_Problem requirements_
The stretch wanted below opens at the line containing "#71=IFCINDEXEDPOLYGONALFACE((5,7,8,6));" and closes at the line containing "#75=IFCPRODUCTDEFINITIONSHAPE($,$,(#74));". Please return it exactly, with no other lines.

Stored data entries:
[Start of section]
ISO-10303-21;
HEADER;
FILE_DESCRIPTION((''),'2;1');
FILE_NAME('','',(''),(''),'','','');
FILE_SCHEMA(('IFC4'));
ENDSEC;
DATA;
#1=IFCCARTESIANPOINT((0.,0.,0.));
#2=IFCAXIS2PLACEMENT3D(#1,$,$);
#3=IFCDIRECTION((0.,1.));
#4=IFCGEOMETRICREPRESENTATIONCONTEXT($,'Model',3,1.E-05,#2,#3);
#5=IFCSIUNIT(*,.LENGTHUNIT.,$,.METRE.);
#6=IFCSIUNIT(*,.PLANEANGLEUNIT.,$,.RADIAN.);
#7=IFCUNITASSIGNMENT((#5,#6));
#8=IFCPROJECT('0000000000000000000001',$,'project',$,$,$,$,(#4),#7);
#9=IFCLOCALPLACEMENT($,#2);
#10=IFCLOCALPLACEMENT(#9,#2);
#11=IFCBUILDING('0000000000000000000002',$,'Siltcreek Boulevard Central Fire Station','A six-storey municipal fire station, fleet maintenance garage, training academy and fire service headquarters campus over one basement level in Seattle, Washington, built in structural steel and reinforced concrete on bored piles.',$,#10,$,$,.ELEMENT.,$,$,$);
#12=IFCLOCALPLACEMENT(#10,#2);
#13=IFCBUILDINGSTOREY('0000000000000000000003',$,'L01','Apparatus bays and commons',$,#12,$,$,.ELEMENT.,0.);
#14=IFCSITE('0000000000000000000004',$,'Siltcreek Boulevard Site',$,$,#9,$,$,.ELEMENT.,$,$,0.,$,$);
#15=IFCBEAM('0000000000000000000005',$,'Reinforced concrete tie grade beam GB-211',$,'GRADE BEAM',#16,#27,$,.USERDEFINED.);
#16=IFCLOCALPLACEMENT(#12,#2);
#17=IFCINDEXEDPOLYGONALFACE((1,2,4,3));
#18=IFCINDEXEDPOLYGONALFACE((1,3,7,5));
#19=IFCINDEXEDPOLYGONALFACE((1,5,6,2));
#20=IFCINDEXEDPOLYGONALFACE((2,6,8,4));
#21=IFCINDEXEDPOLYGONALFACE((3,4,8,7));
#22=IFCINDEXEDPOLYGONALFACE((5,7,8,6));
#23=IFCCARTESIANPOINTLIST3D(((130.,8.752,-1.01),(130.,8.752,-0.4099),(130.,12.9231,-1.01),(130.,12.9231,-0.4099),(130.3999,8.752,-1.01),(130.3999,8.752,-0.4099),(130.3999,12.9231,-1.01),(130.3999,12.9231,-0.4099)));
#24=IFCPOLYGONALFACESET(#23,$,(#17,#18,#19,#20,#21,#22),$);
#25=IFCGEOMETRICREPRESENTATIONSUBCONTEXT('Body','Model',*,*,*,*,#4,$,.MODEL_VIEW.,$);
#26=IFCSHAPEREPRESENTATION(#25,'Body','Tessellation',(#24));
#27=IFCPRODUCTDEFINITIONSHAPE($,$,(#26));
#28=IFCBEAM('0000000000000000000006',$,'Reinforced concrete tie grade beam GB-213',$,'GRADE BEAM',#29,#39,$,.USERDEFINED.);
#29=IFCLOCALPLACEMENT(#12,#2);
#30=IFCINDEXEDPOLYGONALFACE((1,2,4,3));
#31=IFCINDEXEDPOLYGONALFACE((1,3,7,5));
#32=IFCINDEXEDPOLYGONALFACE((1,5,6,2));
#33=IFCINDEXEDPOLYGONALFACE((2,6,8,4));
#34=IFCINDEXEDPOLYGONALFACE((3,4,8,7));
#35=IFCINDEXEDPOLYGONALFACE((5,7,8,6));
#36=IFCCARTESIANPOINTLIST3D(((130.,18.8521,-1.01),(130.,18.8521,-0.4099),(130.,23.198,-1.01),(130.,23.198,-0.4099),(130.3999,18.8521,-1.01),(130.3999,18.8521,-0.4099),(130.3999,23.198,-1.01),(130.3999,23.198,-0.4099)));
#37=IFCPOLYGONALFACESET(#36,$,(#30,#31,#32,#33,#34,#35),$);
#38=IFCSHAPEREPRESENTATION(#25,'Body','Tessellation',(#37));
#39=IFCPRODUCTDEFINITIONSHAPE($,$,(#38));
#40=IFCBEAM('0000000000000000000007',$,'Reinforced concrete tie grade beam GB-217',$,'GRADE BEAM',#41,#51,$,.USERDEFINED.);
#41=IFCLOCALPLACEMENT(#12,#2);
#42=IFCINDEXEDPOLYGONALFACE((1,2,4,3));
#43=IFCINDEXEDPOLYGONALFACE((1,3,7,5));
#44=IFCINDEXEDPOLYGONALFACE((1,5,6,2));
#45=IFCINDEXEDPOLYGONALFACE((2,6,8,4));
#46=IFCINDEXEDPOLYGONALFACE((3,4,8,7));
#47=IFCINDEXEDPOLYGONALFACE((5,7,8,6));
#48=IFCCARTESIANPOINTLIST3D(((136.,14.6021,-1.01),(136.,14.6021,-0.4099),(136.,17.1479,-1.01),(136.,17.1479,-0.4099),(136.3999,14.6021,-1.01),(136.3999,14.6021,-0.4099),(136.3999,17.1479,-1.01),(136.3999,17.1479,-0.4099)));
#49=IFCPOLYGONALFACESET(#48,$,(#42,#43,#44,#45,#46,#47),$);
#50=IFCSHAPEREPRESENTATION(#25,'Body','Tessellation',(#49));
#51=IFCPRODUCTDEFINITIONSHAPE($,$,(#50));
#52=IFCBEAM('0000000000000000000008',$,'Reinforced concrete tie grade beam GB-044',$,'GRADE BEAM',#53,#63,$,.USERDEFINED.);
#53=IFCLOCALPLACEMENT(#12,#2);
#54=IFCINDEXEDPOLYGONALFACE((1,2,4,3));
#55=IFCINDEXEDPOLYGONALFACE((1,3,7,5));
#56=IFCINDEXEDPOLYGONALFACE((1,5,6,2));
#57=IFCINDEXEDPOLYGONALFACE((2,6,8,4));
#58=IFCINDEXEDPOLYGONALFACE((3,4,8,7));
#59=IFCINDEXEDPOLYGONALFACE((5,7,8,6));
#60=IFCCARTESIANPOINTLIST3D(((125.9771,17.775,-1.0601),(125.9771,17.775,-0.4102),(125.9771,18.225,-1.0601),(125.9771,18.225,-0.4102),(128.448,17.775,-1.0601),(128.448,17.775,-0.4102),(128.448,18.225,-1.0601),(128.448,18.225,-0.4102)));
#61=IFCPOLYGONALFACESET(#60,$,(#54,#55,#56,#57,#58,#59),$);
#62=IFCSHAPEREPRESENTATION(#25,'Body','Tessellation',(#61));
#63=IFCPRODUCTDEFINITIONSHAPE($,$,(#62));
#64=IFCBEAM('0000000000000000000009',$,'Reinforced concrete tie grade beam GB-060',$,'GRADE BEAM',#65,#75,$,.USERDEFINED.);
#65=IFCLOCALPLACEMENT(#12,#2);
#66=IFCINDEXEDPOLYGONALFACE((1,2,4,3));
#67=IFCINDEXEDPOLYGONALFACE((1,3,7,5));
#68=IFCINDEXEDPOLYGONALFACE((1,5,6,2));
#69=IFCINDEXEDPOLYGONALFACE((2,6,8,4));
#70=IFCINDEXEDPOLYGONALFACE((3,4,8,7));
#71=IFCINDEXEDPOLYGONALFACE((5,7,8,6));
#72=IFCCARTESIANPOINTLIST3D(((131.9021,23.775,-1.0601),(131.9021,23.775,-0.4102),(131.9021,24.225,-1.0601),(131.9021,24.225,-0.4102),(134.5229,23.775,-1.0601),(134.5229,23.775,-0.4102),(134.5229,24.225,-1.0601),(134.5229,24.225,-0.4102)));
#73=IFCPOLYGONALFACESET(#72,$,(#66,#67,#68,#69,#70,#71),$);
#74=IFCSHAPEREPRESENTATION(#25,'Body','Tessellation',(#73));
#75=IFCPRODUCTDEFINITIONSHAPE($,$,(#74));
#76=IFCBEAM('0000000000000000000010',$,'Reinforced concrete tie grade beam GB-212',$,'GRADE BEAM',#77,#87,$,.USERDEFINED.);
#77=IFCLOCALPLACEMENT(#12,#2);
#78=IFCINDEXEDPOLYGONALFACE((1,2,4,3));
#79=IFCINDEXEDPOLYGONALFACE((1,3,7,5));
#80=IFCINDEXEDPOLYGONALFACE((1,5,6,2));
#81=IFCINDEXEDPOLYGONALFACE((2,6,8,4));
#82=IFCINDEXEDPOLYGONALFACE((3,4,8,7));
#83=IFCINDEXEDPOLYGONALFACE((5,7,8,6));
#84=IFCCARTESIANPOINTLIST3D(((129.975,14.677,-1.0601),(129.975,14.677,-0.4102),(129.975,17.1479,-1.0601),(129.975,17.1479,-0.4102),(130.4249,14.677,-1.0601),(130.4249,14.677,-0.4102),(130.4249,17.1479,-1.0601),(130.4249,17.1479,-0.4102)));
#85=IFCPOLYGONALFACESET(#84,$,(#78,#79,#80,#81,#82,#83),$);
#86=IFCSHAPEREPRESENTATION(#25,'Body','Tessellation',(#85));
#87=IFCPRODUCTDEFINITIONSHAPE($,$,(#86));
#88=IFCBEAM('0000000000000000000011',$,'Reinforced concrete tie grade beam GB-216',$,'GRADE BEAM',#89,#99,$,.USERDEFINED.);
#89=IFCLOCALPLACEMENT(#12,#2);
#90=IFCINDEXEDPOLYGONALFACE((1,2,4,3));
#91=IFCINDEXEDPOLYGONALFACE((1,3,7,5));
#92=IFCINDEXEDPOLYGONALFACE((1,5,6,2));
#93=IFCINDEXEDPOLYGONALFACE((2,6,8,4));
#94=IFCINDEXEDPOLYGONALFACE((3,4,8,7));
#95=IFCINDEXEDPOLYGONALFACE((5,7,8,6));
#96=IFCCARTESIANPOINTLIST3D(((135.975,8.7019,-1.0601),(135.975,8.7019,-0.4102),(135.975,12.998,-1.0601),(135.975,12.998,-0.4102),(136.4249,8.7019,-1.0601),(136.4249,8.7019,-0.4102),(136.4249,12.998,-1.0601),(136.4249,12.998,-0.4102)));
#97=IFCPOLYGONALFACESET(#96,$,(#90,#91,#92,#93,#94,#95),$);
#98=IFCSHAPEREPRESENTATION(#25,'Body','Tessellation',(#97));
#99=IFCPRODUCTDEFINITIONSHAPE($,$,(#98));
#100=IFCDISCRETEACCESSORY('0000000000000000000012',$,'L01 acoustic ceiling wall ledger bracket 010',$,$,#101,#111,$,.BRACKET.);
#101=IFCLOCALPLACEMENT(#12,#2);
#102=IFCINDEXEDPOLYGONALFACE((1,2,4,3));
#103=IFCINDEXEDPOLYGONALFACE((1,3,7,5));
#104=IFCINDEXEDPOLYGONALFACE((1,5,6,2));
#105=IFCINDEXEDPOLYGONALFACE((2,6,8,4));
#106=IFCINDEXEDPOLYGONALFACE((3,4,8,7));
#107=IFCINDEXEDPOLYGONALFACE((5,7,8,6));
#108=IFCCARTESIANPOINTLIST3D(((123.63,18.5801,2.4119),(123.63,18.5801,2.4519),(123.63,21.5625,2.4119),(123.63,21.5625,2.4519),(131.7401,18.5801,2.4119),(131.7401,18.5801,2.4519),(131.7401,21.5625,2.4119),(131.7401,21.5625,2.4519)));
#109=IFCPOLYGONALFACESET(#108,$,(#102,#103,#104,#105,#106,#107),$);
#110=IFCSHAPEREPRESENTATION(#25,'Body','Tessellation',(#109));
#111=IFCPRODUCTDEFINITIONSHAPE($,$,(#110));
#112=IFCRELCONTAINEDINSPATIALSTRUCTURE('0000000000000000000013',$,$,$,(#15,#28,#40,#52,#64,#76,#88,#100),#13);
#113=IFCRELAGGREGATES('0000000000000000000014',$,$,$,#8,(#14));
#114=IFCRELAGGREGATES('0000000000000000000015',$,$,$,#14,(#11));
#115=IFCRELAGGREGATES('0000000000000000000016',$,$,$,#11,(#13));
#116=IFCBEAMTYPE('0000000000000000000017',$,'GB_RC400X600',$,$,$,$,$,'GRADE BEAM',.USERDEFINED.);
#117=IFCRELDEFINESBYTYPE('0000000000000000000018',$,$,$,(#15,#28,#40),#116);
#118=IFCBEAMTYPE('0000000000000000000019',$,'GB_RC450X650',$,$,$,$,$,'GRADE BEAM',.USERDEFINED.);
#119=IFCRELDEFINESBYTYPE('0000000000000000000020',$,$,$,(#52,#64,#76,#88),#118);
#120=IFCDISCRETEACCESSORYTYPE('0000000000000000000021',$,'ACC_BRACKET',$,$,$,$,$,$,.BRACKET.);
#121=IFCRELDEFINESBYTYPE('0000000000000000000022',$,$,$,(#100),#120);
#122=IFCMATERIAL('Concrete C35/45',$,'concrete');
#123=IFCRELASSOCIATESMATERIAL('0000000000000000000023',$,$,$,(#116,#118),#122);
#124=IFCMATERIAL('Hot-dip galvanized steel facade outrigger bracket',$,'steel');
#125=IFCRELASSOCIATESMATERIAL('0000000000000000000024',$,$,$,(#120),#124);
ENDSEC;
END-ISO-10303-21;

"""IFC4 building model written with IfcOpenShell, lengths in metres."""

from ifc_helpers import new_model, si_unit, direction, frame, origin, origin_2d, place, context, subcontext, project, spatial, rectangle, extrude, material, material_profile, profile_set, type_object, element, save


model = new_model("IFC4")

# Units and contexts
model_context = context("Model", 3, precision=1e-05, world=origin(), true_north=direction((0.0, 1.0)))
body_context = subcontext(model_context, "Body", "Model", "MODEL_VIEW")
ifc_project = project(units=[si_unit("LENGTHUNIT", "METRE"), si_unit("PLANEANGLEUNIT", "RADIAN")], contexts=[model_context])

# Site, building, storey
site_placement = place(None, origin())
site = spatial("IfcSite", under=ifc_project, at=site_placement, Name="Siltcreek Boulevard Site", CompositionType="ELEMENT", RefElevation=0.0)
building_placement = place(site_placement, origin())
building = spatial("IfcBuilding", under=site, at=building_placement, Name="Siltcreek Boulevard Central Fire Station", Description="A six-storey municipal fire station, fleet maintenance garage, training academy and fire service headquarters campus over one basement level in Seattle, Washington, built in structural steel and reinforced concrete on bored piles.", CompositionType="ELEMENT")
storey_placement = place(building_placement, origin())
storey = spatial("IfcBuildingStorey", under=building, at=storey_placement, Name="L01", Description="Apparatus bays and commons", CompositionType="ELEMENT", Elevation=0.0)

# Shared definitions
ifc_material_1 = material(Name="Concrete C35/45", Category="concrete")

# Beams
ifc_material_profile_1 = material_profile(ifc_material_1, rectangle(XDim=0.3999, YDim=0.6001, at=origin_2d()), Name="RC400X600")
ifc_profile_set_1 = profile_set([ifc_material_profile_1], Name="Concrete C35/45")
beam_type_1 = type_object("IfcBeamType", Name="GB_RC400X600", ElementType="GRADE BEAM", PredefinedType="USERDEFINED", material=ifc_profile_set_1)
beam_1_placement = place(storey_placement, frame((130.2, 8.752, -0.71), z_axis=(0.0, 1.0, 0.0), x_axis=(-1.0, 0.0, 0.0)))
element("IfcBeam", 1, at=beam_1_placement, inside=storey, type_object=beam_type_1, Name="Reinforced concrete tie grade beam GB-211", ObjectType="GRADE BEAM", PredefinedType="USERDEFINED", context=body_context, shape_type="SweptSolid", body=[
    extrude(rectangle(XDim=0.3999, YDim=0.6001, at=origin_2d()), origin(), (0.0, 0.0, 1.0), 4.1711),
])
beam_2_placement = place(storey_placement, frame((130.2, 18.8521, -0.71), z_axis=(0.0, 1.0, 0.0), x_axis=(-1.0, 0.0, 0.0)))
element("IfcBeam", 2, at=beam_2_placement, inside=storey, type_object=beam_type_1, Name="Reinforced concrete tie grade beam GB-213", ObjectType="GRADE BEAM", PredefinedType="USERDEFINED", context=body_context, shape_type="SweptSolid", body=[
    extrude(rectangle(XDim=0.3999, YDim=0.6001, at=origin_2d()), origin(), (0.0, 0.0, 1.0), 4.3459),
])
beam_3_placement = place(storey_placement, frame((136.2, 14.6021, -0.71), z_axis=(0.0, 1.0, 0.0), x_axis=(-1.0, 0.0, 0.0)))
element("IfcBeam", 3, at=beam_3_placement, inside=storey, type_object=beam_type_1, Name="Reinforced concrete tie grade beam GB-217", ObjectType="GRADE BEAM", PredefinedType="USERDEFINED", context=body_context, shape_type="SweptSolid", body=[
    extrude(rectangle(XDim=0.3999, YDim=0.6001, at=origin_2d()), origin(), (0.0, 0.0, 1.0), 2.5459),
])
ifc_material_profile_2 = material_profile(ifc_material_1, rectangle(XDim=0.45, YDim=0.6499, at=origin_2d()), Name="RC450X650")
ifc_profile_set_2 = profile_set([ifc_material_profile_2], Name="Concrete C35/45")
beam_type_2 = type_object("IfcBeamType", Name="GB_RC450X650", ElementType="GRADE BEAM", PredefinedType="USERDEFINED", material=ifc_profile_set_2)
beam_4_placement = place(storey_placement, frame((125.9771, 18.0, -0.7351), z_axis=(1.0, 0.0, 0.0), x_axis=(0.0, 1.0, 0.0)))
element("IfcBeam", 4, at=beam_4_placement, inside=storey, type_object=beam_type_2, Name="Reinforced concrete tie grade beam GB-044", ObjectType="GRADE BEAM", PredefinedType="USERDEFINED", context=body_context, shape_type="SweptSolid", body=[
    extrude(rectangle(XDim=0.45, YDim=0.6499, at=origin_2d()), origin(), (0.0, 0.0, 1.0), 2.4709),
])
[End of section]
_The completed task_
#71=IFCINDEXEDPOLYGONALFACE((5,7,8,6));
#72=IFCCARTESIANPOINTLIST3D(((131.9021,23.775,-1.0601),(131.9021,23.775,-0.4102),(131.9021,24.225,-1.0601),(131.9021,24.225,-0.4102),(134.5229,23.775,-1.0601),(134.5229,23.775,-0.4102),(134.5229,24.225,-1.0601),(134.5229,24.225,-0.4102)));
#73=IFCPOLYGONALFACESET(#72,$,(#66,#67,#68,#69,#70,#71),$);
#74=IFCSHAPEREPRESENTATION(#25,'Body','Tessellation',(#73));
#75=IFCPRODUCTDEFINITIONSHAPE($,$,(#74));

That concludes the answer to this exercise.